◆ **Dataset content**:

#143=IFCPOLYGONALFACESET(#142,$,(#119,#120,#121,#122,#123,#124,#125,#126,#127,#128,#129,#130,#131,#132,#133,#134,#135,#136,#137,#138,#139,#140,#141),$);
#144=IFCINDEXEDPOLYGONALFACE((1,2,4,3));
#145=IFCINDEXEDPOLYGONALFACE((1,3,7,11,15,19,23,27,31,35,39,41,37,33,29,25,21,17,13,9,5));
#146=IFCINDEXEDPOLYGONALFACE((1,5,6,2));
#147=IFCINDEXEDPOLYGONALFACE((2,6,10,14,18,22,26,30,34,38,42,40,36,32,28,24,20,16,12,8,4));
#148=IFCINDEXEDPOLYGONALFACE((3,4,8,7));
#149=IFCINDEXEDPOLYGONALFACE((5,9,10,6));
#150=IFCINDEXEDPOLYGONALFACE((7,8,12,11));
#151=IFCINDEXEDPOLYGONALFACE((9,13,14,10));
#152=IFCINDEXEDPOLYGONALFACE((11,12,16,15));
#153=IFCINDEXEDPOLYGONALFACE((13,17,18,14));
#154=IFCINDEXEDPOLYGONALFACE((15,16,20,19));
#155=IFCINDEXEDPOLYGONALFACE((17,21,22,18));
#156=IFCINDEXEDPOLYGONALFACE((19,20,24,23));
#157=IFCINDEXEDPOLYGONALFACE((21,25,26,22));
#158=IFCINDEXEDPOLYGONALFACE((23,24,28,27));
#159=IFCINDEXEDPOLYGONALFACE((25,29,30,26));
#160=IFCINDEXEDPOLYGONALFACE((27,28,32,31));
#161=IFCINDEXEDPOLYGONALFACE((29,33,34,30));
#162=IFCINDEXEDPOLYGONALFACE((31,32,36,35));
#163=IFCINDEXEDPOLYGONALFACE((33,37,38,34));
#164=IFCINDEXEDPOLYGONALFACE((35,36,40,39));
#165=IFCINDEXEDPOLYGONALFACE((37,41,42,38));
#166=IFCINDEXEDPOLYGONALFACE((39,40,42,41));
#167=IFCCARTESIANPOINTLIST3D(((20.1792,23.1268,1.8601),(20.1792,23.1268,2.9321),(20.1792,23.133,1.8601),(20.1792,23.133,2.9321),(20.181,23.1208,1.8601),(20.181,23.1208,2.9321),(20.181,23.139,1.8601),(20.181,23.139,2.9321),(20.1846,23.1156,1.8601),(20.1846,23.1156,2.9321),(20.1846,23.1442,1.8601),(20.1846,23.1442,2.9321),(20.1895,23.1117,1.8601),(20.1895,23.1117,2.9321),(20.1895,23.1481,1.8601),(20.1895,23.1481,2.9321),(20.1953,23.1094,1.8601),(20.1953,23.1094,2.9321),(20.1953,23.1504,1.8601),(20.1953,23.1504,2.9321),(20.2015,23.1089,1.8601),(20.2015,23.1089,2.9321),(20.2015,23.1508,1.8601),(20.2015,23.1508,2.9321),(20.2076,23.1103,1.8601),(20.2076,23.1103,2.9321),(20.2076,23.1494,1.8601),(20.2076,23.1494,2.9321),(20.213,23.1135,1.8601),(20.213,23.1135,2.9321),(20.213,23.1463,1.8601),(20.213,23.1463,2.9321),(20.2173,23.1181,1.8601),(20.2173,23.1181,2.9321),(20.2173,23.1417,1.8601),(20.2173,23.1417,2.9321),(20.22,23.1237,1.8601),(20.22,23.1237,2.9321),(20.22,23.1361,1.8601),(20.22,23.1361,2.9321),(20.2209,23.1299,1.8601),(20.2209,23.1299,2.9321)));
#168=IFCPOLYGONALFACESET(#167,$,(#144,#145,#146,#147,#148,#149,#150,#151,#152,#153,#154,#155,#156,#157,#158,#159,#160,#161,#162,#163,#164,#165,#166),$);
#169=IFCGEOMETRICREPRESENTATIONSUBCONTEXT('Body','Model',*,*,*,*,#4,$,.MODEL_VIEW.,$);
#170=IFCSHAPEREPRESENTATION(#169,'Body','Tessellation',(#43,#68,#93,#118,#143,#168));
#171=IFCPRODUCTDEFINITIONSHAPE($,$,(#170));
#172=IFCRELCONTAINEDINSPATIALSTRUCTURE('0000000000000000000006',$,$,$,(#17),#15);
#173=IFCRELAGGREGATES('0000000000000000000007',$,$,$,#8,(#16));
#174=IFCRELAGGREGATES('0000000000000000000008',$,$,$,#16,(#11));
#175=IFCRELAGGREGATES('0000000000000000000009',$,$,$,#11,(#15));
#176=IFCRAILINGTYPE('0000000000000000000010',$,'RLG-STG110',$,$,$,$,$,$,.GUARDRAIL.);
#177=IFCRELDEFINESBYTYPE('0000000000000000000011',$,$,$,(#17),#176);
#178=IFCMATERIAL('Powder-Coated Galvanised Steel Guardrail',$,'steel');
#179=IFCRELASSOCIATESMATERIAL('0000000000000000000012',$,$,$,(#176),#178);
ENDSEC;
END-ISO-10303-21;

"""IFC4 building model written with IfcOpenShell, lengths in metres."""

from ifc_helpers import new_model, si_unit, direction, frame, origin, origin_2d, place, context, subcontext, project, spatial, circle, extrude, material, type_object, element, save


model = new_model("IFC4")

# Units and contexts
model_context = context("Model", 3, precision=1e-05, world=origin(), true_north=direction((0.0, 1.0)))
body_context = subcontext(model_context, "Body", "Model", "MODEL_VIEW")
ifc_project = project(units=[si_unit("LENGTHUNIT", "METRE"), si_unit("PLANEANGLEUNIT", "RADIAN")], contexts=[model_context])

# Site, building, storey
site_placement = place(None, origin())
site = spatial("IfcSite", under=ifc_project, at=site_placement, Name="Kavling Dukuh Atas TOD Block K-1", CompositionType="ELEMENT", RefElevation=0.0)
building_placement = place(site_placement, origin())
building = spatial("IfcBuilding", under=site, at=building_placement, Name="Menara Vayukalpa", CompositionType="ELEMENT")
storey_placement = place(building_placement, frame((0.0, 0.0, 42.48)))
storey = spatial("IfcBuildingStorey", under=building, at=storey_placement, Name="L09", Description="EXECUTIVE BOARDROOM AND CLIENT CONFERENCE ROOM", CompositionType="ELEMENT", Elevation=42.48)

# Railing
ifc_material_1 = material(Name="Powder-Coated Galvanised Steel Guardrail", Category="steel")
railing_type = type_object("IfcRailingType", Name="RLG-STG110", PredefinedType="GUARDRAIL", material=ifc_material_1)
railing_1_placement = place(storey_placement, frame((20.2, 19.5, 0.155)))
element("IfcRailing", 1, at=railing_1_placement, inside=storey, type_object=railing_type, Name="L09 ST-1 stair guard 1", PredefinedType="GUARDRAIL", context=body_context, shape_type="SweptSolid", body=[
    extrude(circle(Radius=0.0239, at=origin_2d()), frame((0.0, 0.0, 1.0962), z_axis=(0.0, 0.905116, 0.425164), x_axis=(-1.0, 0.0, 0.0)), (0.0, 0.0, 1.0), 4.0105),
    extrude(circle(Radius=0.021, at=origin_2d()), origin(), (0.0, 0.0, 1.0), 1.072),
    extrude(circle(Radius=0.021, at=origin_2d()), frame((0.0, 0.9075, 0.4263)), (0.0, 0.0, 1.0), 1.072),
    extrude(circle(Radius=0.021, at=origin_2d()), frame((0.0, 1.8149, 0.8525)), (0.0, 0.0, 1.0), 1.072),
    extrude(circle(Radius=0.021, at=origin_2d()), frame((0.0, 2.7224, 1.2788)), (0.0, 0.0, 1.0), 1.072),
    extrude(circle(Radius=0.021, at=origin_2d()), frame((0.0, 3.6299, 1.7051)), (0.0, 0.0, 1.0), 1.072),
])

◆ **Task brief**: Retype only the lines above between the line with "#146=IFCINDEXEDPOLYGONALFACE((1,5,6,2));" and the line with "#152=IFCINDEXEDPOLYGONALFACE((11,12,16,15));", counting those two lines as well, and keep every character as it is.

◆ **Finished exercise**:
#146=IFCINDEXEDPOLYGONALFACE((1,5,6,2));
#147=IFCINDEXEDPOLYGONALFACE((2,6,10,14,18,22,26,30,34,38,42,40,36,32,28,24,20,16,12,8,4));
#148=IFCINDEXEDPOLYGONALFACE((3,4,8,7));
#149=IFCINDEXEDPOLYGONALFACE((5,9,10,6));
#150=IFCINDEXEDPOLYGONALFACE((7,8,12,11));
#151=IFCINDEXEDPOLYGONALFACE((9,13,14,10));
#152=IFCINDEXEDPOLYGONALFACE((11,12,16,15));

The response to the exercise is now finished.